EXERCISE GOAL
Filter the data for "aluminium" and copy matching lines.

RECORDS PROVIDED
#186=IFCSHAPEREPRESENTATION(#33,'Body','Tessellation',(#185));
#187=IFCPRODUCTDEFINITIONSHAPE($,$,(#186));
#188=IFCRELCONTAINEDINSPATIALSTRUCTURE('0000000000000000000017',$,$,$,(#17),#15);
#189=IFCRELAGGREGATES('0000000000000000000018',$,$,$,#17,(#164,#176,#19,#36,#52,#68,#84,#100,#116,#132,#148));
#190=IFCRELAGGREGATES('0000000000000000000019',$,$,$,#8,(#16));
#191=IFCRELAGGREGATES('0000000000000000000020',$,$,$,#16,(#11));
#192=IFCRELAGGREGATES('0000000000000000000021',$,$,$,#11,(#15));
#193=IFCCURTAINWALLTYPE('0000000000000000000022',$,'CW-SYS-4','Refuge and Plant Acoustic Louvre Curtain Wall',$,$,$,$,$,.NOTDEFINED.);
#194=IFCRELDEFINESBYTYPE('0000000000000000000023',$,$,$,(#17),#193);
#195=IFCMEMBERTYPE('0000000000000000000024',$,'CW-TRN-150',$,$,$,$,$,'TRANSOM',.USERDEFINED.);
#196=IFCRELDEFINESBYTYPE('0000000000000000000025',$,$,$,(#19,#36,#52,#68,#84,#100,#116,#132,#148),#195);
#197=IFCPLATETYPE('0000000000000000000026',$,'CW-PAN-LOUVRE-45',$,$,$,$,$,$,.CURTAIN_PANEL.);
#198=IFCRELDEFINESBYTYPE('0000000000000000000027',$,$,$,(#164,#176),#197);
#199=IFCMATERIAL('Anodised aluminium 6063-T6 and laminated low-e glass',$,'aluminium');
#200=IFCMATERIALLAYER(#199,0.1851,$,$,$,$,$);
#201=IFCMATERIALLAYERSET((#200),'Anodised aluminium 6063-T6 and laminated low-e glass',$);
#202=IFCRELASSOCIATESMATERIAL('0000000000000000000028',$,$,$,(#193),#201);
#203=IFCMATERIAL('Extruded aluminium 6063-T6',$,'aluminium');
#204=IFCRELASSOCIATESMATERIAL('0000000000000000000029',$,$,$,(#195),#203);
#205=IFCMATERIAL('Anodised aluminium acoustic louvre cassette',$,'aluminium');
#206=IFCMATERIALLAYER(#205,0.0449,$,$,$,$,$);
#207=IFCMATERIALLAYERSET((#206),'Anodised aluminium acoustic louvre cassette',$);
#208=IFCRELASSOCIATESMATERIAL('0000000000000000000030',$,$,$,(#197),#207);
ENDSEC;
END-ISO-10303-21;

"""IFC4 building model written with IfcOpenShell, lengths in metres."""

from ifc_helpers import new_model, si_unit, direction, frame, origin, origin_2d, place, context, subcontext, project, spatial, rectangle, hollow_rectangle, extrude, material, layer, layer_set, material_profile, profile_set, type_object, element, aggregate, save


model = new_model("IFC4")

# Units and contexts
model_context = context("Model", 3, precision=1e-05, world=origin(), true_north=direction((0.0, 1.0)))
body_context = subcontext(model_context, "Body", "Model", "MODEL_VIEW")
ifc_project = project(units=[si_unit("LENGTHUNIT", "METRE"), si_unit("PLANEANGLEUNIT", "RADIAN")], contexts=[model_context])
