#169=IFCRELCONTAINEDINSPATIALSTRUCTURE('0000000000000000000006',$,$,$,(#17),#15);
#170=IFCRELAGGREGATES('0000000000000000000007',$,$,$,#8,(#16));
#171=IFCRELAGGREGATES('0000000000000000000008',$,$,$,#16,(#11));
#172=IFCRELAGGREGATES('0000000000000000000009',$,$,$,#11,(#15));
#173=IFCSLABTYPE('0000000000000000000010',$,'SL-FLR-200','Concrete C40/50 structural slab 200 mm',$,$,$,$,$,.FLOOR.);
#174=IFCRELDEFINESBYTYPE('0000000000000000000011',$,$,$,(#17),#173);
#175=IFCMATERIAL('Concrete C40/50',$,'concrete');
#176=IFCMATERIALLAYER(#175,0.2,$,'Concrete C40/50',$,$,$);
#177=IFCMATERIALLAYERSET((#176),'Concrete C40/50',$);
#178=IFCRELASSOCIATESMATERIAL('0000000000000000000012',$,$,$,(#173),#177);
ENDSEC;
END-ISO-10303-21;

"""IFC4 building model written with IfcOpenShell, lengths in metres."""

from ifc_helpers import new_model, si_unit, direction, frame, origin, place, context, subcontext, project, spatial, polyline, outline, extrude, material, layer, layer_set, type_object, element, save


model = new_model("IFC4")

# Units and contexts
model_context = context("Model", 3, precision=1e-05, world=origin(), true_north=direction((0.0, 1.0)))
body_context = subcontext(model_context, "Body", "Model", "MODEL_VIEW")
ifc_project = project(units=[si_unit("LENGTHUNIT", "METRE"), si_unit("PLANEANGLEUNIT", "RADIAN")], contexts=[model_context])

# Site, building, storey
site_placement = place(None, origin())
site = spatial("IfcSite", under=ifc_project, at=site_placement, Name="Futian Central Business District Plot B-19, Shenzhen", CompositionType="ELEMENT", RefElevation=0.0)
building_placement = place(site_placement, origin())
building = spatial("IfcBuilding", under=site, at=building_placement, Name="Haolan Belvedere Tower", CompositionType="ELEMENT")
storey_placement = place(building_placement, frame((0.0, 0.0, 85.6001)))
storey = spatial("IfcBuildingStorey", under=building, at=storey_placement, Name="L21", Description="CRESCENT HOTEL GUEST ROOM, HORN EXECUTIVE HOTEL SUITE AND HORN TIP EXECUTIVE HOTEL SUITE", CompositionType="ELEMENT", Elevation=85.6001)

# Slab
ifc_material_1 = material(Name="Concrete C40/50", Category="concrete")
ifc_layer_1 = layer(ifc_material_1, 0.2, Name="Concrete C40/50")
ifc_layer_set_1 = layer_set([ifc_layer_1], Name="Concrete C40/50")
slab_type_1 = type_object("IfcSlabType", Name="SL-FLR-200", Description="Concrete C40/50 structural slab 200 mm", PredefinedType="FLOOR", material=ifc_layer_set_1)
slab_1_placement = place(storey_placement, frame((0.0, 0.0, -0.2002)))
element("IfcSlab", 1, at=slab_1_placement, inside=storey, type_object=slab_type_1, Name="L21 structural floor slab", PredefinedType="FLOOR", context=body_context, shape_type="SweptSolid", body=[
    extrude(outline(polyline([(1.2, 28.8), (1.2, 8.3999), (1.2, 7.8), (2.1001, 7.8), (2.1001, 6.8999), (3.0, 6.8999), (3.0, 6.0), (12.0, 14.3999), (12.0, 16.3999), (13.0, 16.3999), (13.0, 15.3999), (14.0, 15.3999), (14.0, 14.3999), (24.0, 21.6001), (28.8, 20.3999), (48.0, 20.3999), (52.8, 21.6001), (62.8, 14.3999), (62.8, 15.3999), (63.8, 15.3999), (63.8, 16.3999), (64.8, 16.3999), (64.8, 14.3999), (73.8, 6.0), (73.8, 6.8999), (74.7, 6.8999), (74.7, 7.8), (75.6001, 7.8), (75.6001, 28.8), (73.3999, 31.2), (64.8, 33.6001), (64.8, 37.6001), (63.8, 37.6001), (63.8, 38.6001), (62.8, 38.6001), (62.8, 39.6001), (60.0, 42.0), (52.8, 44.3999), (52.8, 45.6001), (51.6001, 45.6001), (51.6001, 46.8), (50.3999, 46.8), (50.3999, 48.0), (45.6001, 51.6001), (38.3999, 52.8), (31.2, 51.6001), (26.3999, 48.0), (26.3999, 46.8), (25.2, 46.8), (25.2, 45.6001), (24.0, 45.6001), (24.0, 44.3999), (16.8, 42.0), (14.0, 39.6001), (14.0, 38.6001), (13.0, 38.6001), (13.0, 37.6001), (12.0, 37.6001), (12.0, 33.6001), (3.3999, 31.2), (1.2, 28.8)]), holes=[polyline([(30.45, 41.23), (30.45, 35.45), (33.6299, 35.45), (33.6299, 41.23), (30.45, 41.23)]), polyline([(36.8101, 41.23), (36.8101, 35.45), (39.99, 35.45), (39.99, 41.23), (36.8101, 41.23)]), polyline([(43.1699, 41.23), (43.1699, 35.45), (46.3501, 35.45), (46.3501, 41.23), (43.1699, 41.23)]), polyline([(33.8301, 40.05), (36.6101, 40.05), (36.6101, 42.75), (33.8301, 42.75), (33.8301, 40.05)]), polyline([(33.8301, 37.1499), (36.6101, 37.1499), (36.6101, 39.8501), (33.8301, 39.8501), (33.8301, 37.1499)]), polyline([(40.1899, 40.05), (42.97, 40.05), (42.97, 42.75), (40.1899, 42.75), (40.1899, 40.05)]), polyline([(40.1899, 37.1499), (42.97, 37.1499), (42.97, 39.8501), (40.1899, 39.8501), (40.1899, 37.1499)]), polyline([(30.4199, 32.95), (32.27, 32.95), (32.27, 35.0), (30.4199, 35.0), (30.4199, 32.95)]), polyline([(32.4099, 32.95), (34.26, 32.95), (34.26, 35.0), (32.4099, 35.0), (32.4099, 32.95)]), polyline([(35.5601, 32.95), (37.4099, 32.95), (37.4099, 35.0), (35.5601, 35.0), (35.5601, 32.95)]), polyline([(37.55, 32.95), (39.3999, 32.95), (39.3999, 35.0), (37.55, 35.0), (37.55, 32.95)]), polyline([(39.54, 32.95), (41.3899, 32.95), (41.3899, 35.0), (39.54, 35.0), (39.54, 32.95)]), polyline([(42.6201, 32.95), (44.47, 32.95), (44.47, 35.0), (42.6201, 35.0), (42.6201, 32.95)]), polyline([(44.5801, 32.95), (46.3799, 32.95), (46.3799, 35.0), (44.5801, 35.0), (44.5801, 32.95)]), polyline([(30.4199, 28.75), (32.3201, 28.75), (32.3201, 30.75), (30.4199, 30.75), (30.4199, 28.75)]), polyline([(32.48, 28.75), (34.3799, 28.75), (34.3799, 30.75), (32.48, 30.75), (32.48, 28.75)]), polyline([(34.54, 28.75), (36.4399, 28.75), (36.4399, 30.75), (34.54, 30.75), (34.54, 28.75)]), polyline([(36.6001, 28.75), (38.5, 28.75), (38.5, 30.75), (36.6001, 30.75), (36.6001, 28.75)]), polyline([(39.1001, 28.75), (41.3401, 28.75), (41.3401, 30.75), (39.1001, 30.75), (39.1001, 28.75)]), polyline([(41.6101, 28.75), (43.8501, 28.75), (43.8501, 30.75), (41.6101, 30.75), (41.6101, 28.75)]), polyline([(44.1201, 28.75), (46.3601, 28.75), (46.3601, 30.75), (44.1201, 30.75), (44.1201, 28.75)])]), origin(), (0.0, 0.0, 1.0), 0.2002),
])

ANSWER FOR THE TASK
#199=IFCMATERIAL('Anodised aluminium 6063-T6 and laminated low-e glass',$,'aluminium');
#201=IFCMATERIALLAYERSET((#200),'Anodised aluminium 6063-T6 and laminated low-e glass',$);
#203=IFCMATERIAL('Extruded aluminium 6063-T6',$,'aluminium');
#205=IFCMATERIAL('Anodised aluminium acoustic louvre cassette',$,'aluminium');
#207=IFCMATERIALLAYERSET((#206),'Anodised aluminium acoustic louvre cassette',$);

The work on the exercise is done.